WORK ORDER: Which lines of the entries below contain the string "stick"? Copy each one.
*** Opening of SUPPLIED DATA ***
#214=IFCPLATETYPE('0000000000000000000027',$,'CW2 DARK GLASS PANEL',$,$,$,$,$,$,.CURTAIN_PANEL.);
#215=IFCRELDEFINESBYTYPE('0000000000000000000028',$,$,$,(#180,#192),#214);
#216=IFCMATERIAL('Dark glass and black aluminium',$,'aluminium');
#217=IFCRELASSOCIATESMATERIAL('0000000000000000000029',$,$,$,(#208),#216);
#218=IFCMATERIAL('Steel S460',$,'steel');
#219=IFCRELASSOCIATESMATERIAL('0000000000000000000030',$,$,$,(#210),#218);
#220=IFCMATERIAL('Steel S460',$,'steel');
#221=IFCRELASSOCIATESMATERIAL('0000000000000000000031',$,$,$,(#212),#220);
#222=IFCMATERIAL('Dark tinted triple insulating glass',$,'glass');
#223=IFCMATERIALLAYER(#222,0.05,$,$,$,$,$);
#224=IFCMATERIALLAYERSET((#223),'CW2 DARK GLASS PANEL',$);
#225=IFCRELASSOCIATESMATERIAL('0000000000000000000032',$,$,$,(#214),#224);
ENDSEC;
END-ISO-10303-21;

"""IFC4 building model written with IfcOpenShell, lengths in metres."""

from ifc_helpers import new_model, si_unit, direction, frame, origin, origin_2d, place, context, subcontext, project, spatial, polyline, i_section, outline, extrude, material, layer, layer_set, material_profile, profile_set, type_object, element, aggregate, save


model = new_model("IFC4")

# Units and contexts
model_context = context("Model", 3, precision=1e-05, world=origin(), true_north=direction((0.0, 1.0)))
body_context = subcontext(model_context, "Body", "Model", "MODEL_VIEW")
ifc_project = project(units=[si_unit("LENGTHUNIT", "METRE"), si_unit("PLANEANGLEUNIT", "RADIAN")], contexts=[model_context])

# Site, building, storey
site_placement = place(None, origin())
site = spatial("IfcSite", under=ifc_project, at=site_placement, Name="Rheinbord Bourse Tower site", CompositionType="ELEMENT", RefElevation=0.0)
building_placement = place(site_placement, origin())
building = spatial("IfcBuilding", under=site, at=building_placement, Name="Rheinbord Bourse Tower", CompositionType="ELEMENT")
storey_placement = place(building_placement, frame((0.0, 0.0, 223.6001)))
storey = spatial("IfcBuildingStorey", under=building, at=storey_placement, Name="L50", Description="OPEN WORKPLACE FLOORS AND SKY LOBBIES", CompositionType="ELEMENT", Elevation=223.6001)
*** Close of SUPPLIED DATA ***
*** Opening of SUPPLIED DATA ***
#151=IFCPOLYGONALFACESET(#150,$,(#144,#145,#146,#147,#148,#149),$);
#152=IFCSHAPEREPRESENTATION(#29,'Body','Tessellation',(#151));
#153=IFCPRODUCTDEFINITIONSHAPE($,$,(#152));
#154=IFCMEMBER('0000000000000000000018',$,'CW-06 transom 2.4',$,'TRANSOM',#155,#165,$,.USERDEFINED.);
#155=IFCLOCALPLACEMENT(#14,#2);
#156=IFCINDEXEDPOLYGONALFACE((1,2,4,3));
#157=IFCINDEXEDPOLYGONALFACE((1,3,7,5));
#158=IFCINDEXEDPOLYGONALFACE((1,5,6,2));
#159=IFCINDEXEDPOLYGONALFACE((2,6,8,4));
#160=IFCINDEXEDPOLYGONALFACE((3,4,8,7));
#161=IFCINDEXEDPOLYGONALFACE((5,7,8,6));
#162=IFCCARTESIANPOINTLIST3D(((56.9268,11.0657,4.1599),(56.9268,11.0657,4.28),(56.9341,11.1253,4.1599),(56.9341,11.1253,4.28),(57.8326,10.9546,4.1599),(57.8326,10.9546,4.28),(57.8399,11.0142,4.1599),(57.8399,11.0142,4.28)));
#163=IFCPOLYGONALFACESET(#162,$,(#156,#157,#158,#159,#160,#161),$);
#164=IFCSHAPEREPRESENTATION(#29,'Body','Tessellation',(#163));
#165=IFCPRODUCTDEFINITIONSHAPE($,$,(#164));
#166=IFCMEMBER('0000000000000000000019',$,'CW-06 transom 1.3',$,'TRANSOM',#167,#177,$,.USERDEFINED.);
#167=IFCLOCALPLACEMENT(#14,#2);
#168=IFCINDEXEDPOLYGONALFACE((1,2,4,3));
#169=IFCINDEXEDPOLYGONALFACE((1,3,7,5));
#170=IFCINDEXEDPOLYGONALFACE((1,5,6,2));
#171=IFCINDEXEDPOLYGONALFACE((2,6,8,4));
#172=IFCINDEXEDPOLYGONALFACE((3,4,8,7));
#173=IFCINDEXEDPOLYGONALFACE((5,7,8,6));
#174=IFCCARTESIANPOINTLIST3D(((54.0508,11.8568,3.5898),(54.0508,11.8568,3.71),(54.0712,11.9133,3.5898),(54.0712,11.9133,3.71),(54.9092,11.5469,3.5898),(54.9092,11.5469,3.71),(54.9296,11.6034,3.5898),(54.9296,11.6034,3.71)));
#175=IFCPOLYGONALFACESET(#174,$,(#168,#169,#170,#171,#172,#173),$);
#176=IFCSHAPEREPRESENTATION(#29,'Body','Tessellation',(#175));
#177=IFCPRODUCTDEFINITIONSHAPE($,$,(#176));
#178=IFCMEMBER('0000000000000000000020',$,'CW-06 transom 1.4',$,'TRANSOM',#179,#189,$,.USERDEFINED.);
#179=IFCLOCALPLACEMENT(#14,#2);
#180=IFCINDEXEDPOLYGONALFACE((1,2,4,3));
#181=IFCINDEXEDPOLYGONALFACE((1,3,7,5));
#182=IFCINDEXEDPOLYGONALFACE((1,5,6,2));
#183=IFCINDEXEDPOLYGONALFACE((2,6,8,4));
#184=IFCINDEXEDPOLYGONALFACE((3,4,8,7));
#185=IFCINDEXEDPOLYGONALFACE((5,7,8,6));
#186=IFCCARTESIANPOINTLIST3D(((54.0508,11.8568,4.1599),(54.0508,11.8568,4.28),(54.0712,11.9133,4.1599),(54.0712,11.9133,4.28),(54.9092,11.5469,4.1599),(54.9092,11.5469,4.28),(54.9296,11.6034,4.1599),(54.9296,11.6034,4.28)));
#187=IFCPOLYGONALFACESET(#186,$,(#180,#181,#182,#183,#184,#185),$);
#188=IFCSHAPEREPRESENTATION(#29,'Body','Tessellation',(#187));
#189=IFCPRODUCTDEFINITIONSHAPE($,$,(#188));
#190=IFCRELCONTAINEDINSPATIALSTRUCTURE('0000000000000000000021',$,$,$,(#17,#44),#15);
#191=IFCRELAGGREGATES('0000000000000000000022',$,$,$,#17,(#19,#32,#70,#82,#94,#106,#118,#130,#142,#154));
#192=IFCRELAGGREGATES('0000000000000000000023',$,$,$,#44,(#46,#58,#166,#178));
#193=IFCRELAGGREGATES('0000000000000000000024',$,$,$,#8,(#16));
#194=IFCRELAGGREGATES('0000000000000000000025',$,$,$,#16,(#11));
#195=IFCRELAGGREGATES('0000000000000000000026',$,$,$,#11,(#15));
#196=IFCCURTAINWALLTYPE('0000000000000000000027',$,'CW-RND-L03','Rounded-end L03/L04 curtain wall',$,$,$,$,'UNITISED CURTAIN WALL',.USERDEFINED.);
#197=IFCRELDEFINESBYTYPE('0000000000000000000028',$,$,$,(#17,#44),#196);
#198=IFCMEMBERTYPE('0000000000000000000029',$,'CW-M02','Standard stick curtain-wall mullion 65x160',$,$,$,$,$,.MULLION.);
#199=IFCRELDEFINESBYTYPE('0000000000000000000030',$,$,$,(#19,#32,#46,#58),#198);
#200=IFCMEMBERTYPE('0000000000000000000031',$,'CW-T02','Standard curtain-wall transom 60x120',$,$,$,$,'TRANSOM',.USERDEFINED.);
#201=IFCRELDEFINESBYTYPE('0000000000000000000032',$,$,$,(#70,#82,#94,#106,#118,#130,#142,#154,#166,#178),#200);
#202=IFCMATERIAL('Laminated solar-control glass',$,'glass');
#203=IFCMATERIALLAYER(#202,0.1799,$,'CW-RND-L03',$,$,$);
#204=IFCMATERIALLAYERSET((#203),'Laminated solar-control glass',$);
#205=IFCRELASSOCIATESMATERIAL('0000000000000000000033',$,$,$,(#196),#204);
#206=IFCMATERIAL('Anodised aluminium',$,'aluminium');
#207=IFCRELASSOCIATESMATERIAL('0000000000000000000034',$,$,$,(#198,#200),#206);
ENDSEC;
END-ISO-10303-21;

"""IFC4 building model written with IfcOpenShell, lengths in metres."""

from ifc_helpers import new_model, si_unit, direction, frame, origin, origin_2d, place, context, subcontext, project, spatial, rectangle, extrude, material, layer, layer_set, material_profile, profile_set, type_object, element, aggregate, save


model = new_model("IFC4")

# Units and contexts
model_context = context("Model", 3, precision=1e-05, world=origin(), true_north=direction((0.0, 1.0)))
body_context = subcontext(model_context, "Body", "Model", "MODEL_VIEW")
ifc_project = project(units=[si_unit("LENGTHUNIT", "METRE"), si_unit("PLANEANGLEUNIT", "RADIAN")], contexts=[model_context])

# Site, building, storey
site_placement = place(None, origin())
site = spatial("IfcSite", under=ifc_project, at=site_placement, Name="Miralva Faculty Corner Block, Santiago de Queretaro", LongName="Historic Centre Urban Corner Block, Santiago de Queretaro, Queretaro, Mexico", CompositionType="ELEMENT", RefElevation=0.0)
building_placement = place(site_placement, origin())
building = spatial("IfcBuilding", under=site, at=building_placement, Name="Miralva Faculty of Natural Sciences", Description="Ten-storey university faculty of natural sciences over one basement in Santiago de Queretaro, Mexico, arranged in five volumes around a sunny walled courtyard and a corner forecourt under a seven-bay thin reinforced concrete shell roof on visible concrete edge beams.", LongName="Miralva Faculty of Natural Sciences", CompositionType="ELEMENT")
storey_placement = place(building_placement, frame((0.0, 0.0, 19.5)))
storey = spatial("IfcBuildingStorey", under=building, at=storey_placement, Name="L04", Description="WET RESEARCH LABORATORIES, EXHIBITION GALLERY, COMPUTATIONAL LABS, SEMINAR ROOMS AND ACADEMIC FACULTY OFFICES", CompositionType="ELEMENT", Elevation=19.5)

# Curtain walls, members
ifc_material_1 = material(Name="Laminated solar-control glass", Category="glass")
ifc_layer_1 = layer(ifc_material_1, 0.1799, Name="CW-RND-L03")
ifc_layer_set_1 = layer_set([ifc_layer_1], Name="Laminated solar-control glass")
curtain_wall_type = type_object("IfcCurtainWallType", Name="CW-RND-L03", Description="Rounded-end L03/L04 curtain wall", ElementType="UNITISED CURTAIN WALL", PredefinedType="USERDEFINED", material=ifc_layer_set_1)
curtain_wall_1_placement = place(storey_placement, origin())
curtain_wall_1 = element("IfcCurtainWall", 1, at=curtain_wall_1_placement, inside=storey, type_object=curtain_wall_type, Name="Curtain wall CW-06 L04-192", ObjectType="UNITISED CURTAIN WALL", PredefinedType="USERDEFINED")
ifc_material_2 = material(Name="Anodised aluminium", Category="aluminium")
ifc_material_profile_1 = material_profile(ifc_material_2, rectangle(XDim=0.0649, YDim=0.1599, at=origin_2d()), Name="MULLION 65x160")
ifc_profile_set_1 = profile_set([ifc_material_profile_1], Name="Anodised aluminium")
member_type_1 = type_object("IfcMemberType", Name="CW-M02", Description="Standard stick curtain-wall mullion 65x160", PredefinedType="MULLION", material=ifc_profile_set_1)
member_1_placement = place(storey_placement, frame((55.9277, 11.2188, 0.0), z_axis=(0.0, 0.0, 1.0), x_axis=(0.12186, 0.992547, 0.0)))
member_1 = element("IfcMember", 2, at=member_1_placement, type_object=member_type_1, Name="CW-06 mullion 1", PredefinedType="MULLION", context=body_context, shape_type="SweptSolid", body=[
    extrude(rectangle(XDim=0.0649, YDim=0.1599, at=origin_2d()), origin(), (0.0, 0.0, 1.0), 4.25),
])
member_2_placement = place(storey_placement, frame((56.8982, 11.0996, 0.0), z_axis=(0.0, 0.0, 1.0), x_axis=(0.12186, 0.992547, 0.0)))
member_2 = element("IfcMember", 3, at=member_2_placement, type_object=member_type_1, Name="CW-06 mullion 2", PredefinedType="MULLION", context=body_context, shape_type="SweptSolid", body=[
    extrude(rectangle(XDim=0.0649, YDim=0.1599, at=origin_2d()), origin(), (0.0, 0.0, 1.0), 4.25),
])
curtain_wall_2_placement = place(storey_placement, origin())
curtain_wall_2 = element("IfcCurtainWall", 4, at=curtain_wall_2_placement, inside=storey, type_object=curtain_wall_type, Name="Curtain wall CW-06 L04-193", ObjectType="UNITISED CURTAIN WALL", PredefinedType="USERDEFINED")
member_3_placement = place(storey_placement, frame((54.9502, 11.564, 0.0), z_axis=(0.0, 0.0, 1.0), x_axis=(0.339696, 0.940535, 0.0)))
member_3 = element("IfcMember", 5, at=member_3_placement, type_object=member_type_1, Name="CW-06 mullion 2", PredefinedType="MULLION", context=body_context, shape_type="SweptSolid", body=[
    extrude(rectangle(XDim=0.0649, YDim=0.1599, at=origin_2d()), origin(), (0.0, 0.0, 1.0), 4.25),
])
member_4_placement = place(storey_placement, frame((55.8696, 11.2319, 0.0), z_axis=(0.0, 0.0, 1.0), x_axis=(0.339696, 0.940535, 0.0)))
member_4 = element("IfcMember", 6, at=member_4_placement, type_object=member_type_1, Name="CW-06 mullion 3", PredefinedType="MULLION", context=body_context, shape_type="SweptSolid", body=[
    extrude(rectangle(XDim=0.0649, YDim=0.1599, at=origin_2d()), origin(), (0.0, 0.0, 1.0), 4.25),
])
*** Close of SUPPLIED DATA ***
*** Opening of SUPPLIED DATA ***
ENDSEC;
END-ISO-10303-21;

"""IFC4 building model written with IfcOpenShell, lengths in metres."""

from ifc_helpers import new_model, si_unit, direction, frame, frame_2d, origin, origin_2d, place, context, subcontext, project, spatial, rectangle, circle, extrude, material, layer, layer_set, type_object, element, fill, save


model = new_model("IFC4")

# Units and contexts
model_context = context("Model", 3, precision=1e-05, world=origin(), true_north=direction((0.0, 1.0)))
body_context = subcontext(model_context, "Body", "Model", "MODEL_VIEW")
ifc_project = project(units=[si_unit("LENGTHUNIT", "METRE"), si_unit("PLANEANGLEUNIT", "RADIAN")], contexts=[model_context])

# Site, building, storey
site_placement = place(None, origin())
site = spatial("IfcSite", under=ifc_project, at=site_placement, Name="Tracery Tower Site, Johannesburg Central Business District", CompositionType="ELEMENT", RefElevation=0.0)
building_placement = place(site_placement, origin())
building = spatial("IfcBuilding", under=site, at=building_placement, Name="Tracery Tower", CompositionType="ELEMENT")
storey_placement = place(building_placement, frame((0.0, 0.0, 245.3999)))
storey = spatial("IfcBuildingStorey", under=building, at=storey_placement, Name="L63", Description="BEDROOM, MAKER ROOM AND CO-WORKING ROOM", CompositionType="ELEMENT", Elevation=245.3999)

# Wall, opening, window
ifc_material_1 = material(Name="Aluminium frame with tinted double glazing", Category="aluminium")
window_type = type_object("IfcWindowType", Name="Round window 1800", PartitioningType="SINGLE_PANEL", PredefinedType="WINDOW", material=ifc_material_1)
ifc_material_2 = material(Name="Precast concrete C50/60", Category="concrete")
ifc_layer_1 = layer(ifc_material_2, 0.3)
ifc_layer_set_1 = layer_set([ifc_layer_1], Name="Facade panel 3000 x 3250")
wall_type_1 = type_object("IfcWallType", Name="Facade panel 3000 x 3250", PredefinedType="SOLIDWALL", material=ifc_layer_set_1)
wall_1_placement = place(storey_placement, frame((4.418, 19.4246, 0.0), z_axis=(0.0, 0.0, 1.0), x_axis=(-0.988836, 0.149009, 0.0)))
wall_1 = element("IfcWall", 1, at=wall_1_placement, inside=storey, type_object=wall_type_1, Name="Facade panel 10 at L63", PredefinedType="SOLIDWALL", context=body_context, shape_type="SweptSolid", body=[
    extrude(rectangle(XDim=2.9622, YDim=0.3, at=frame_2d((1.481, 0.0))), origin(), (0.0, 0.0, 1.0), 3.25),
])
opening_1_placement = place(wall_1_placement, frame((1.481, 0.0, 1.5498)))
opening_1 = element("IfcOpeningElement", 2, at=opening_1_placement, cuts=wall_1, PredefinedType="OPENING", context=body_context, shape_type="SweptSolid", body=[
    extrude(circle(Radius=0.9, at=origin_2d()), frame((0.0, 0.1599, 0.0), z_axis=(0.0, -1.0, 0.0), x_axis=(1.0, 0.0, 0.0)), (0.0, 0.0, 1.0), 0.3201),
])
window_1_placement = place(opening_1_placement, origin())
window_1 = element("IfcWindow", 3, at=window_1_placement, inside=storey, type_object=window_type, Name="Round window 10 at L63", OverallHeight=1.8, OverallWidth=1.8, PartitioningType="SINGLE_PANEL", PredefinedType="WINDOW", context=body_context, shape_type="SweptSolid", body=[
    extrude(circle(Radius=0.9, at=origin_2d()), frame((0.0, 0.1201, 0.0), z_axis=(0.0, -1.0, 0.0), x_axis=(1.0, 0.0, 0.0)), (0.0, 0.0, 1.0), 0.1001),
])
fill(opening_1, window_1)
*** Close of SUPPLIED DATA ***
PROBLEM SOLUTION:
#198=IFCMEMBERTYPE('0000000000000000000029',$,'CW-M02','Standard stick curtain-wall mullion 65x160',$,$,$,$,$,.MULLION.);
member_type_1 = type_object("IfcMemberType", Name="CW-M02", Description="Standard stick curtain-wall mullion 65x160", PredefinedType="MULLION", material=ifc_profile_set_1)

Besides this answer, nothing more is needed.